§ **Problem**
Return verbatim the line containing "frame((0.0, 0.0, 33.1499)))" together with all lines that follow it in the records, and no other material.

§ **Recorded data**
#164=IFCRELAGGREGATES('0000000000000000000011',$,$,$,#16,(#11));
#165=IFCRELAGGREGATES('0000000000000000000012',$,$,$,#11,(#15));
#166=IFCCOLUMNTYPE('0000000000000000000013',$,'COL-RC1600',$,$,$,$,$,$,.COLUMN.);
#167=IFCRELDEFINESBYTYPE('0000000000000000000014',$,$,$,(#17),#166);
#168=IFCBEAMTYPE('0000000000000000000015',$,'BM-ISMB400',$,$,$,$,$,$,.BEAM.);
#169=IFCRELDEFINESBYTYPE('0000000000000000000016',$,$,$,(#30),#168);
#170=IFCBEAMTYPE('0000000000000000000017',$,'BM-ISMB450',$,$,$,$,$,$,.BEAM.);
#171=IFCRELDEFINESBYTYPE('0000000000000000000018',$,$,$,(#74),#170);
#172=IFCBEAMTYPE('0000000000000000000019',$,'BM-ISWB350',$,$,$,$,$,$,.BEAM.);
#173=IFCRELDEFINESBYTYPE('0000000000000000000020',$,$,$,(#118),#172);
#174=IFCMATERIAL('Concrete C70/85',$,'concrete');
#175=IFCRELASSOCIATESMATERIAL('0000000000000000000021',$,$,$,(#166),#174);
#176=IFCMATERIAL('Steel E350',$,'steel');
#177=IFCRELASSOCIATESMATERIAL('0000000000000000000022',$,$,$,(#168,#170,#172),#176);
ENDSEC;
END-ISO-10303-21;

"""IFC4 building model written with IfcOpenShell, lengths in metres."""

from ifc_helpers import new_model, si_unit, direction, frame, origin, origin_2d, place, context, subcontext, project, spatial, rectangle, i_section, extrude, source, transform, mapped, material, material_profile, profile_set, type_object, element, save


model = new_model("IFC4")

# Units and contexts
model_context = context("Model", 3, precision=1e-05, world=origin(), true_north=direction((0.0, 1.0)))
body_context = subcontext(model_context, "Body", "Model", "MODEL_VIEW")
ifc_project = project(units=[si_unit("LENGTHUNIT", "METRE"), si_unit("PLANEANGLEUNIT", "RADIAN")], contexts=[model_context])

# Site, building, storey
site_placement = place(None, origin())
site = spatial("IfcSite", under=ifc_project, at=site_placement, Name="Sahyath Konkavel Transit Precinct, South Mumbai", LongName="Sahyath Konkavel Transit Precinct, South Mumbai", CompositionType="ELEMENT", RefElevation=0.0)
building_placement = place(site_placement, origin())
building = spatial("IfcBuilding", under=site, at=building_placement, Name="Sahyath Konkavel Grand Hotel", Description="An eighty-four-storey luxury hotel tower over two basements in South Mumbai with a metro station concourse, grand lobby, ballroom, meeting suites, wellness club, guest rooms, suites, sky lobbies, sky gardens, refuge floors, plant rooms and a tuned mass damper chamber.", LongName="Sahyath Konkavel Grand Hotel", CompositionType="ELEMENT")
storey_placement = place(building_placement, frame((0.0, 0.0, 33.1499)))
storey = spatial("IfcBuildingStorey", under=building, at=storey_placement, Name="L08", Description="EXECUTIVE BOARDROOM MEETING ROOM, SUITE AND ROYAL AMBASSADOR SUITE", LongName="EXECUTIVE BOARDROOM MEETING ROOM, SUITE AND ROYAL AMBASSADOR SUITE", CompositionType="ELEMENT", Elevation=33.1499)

§ **Answer space**
storey_placement = place(building_placement, frame((0.0, 0.0, 33.1499)))
storey = spatial("IfcBuildingStorey", under=building, at=storey_placement, Name="L08", Description="EXECUTIVE BOARDROOM MEETING ROOM, SUITE AND ROYAL AMBASSADOR SUITE", LongName="EXECUTIVE BOARDROOM MEETING ROOM, SUITE AND ROYAL AMBASSADOR SUITE", CompositionType="ELEMENT", Elevation=33.1499)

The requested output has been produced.